EXERCISE REQUIREMENTS - Every line containing "Aluminium" should be identified and copied from the data below.

RECORD EXTRACTS -
______________________________

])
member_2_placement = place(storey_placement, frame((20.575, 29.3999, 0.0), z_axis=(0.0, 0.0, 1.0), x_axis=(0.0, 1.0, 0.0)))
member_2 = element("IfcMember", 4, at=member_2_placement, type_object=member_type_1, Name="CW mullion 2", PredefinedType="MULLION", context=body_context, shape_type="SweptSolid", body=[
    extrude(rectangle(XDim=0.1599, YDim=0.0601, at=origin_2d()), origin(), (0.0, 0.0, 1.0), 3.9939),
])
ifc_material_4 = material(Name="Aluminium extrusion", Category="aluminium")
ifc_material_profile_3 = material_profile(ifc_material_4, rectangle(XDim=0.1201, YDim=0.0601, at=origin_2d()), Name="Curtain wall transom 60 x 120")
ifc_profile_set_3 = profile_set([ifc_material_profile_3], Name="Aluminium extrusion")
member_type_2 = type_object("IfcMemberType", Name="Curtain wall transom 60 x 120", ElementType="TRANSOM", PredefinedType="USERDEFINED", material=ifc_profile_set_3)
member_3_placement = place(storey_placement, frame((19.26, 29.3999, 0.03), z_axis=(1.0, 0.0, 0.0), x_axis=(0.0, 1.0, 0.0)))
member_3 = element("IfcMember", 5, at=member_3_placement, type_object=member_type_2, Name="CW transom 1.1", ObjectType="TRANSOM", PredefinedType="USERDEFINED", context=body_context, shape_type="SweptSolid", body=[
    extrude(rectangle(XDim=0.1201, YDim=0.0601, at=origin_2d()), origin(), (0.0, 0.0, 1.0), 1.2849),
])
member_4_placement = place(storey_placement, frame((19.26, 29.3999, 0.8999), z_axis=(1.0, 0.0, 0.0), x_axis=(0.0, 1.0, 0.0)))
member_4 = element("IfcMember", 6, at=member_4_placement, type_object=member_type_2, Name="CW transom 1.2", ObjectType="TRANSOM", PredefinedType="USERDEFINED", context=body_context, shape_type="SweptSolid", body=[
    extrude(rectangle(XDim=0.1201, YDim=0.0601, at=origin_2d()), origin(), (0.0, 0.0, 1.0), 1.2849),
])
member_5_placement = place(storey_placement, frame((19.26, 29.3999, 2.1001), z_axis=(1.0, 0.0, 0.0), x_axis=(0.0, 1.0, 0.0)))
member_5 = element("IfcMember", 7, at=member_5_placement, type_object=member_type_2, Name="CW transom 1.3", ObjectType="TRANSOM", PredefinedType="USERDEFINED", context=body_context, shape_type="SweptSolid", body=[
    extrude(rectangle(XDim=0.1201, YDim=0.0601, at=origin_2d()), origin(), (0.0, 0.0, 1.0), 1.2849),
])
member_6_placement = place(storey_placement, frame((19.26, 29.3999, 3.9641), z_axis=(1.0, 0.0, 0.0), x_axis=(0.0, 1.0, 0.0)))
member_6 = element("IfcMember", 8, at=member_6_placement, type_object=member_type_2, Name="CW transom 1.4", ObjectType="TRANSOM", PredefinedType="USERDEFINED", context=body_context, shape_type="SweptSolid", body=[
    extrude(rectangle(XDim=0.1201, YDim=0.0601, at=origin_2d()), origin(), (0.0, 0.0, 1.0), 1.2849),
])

______________________________

TASK SOLUTION -
ifc_material_4 = material(Name="Aluminium extrusion", Category="aluminium")
ifc_profile_set_3 = profile_set([ifc_material_profile_3], Name="Aluminium extrusion")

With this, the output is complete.